▶ _About this task_:
Each line below from the one containing "#68=IFCINDEXEDPOLYGONALFACE((17,19,23,21));" through the one containing "#69=IFCINDEXEDPOLYGONALFACE((21,23,24,22));" should be output exactly as it stands, and no other line should appear.
---------- Data supplied
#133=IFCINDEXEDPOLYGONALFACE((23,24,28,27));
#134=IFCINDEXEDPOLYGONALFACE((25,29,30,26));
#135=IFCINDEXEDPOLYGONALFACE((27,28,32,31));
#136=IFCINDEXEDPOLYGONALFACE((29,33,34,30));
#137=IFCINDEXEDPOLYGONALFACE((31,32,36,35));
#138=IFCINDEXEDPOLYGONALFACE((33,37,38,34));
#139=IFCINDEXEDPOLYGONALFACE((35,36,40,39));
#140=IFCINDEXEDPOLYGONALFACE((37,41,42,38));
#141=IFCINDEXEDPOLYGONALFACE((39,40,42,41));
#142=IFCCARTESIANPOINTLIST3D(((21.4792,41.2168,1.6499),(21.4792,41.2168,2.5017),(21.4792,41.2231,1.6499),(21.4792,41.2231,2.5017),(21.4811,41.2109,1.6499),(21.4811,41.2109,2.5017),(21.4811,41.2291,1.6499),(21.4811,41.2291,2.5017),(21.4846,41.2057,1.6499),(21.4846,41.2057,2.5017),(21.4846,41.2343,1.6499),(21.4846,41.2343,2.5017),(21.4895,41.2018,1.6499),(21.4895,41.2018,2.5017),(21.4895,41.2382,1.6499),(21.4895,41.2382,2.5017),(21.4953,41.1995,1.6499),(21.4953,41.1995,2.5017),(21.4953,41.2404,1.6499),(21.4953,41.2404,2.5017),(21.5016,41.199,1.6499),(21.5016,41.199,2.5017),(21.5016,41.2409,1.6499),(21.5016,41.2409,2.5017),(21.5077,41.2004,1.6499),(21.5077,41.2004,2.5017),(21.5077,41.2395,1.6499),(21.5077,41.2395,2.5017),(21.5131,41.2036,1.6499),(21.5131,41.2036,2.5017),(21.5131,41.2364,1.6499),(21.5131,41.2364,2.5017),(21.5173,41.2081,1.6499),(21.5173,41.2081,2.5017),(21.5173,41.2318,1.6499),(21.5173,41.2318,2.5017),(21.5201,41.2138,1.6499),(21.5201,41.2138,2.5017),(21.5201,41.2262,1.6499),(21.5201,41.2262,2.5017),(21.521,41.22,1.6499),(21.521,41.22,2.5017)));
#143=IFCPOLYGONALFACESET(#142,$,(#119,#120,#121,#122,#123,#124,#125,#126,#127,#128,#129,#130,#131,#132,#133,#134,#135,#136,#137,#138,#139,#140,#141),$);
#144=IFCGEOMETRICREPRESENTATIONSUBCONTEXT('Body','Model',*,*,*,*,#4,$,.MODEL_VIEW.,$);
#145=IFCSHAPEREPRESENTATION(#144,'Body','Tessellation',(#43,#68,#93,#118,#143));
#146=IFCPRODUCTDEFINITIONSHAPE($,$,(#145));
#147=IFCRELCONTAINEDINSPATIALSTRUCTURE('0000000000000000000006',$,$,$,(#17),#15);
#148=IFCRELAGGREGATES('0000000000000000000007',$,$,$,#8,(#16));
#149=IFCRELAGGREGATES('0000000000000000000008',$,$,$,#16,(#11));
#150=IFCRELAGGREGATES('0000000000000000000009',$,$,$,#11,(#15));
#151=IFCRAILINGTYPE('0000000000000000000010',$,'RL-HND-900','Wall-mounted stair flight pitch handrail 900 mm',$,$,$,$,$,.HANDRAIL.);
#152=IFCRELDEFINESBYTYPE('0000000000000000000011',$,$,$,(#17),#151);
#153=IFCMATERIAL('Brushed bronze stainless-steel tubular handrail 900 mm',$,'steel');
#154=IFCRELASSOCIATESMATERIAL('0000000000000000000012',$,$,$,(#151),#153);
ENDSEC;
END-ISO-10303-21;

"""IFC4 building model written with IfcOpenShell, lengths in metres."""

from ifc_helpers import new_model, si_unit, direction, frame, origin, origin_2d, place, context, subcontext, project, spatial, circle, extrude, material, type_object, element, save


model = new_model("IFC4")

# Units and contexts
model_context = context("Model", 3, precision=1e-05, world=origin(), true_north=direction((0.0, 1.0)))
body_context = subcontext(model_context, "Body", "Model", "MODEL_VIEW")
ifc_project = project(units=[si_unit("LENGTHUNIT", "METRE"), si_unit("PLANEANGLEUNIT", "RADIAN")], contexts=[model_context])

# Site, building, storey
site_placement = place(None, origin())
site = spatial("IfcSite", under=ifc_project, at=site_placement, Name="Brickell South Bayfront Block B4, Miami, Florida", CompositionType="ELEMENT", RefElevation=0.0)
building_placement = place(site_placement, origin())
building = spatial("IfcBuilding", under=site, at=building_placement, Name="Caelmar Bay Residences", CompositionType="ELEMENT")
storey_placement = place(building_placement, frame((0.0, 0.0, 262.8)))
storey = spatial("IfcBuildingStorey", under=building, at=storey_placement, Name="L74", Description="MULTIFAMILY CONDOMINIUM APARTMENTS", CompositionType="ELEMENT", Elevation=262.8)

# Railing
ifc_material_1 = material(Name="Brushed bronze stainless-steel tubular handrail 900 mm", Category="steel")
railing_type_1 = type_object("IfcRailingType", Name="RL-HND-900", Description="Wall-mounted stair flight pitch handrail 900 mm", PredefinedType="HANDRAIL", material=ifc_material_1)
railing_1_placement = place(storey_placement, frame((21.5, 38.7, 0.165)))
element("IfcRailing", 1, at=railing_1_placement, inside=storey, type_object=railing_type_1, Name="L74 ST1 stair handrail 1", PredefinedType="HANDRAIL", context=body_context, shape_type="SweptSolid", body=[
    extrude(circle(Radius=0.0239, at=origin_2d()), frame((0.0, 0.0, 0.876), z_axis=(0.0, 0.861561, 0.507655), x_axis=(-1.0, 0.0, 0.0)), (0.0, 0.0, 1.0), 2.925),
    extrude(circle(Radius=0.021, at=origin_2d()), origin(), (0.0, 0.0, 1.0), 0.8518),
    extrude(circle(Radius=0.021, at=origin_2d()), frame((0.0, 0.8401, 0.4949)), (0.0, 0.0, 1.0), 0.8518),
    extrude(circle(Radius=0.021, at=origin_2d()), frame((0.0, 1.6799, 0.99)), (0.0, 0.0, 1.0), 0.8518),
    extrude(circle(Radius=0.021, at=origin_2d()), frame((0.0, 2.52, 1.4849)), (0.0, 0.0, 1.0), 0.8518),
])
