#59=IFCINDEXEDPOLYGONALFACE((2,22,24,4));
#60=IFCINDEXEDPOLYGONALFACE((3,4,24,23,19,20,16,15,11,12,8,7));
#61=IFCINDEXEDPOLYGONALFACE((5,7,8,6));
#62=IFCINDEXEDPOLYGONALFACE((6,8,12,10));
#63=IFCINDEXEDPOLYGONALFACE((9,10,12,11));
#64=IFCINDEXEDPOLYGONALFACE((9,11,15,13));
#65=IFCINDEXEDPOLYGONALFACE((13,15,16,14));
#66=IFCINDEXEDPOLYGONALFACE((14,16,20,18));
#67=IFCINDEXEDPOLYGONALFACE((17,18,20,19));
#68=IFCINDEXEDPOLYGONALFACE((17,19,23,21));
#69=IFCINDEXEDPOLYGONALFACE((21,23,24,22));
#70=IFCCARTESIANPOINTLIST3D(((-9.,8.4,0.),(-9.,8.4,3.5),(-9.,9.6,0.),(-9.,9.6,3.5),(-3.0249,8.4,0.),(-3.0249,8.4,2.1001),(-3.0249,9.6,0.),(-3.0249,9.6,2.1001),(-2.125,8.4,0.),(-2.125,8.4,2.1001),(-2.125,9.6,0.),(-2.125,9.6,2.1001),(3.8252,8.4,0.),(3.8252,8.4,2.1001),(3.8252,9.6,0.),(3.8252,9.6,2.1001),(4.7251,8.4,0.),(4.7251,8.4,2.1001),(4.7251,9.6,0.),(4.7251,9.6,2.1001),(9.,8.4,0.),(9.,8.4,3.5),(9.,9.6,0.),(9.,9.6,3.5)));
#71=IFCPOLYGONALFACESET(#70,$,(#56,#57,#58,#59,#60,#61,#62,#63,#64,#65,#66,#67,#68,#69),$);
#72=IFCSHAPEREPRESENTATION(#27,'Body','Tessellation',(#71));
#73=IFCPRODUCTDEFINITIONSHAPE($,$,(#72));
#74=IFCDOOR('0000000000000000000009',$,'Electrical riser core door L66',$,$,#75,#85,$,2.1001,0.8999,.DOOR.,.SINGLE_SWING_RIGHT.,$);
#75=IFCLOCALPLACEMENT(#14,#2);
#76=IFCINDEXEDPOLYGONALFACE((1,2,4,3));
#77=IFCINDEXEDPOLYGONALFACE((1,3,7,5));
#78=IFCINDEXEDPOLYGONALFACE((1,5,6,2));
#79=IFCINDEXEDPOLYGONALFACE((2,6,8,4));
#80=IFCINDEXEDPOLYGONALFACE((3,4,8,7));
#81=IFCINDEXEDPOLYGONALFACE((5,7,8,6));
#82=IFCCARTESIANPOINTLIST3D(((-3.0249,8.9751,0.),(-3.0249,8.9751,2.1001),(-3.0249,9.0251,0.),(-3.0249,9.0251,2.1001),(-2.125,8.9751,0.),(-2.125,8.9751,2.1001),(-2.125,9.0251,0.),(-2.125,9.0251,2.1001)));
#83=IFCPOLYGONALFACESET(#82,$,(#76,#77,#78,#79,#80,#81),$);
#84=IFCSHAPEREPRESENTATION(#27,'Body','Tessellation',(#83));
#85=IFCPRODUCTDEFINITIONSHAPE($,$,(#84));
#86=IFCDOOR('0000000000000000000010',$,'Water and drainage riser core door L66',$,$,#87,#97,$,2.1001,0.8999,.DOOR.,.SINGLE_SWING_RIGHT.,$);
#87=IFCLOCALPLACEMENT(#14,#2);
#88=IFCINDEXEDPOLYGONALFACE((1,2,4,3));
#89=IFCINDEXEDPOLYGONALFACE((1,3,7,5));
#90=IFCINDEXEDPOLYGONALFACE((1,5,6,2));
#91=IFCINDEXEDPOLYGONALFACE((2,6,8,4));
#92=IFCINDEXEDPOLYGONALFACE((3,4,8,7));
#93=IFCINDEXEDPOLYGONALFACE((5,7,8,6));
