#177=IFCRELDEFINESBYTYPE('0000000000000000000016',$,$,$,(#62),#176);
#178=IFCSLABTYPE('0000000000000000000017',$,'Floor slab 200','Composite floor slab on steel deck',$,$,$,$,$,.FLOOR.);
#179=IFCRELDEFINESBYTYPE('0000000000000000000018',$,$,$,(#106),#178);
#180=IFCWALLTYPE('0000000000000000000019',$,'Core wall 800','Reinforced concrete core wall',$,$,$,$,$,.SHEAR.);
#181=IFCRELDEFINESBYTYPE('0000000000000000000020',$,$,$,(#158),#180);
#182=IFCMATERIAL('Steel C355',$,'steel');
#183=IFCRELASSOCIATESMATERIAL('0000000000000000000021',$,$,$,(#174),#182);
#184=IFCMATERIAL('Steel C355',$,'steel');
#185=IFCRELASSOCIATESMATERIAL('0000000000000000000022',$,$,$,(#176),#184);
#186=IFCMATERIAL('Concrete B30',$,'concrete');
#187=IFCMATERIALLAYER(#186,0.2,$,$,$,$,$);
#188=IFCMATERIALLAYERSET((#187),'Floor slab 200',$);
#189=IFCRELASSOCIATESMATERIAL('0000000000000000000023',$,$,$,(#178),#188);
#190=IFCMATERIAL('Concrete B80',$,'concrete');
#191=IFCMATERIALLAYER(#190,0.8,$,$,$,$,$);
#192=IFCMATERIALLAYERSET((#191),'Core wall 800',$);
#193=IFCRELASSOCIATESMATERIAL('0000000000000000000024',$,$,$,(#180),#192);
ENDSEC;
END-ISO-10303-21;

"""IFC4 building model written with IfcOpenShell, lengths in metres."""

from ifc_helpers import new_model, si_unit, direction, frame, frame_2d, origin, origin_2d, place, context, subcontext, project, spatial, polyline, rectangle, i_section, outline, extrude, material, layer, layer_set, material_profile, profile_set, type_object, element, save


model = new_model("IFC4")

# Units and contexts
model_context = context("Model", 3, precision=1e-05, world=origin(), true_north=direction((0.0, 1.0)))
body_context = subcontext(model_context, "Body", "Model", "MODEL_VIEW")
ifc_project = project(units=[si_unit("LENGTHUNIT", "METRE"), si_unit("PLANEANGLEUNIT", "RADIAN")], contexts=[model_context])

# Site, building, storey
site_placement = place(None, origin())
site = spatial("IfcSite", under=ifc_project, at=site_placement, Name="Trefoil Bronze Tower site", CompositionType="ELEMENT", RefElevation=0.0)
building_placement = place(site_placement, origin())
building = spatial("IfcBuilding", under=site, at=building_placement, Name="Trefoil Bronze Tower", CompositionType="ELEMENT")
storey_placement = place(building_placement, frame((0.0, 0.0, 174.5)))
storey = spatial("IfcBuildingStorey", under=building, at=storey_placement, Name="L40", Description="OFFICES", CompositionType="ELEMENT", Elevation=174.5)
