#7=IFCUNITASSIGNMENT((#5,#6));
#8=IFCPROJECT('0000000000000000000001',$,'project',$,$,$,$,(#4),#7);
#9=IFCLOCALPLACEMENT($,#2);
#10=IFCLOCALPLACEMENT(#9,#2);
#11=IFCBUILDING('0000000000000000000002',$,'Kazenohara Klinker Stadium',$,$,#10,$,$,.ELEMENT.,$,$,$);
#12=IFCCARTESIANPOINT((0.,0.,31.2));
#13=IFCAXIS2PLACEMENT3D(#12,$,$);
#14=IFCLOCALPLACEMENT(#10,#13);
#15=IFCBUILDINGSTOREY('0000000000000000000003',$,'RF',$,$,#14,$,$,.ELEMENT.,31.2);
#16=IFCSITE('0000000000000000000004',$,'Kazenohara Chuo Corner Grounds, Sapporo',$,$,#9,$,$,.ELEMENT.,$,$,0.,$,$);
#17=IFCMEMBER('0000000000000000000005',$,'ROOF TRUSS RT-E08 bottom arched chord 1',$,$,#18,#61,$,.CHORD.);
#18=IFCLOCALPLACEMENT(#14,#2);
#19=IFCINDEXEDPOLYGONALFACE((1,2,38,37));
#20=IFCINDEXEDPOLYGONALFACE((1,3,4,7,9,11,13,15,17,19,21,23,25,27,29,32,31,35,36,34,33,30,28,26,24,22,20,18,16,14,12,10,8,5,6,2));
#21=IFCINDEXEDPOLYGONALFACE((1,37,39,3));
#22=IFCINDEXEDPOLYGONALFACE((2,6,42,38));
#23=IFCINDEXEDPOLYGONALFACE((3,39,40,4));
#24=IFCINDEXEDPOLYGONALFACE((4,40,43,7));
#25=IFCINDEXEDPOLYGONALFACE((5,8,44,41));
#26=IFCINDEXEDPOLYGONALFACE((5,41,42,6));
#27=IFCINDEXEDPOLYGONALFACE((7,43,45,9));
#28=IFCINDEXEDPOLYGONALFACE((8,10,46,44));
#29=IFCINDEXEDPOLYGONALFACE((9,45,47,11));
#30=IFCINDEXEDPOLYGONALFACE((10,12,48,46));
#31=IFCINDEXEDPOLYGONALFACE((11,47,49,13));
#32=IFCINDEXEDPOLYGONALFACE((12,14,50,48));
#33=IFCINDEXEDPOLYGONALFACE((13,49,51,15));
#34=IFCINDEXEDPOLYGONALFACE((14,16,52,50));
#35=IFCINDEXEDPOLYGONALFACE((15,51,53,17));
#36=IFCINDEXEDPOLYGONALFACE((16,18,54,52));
--------------------
▶ _Problem solution_:
#68=IFCINDEXEDPOLYGONALFACE((17,19,23,21));
#69=IFCINDEXEDPOLYGONALFACE((21,23,24,22));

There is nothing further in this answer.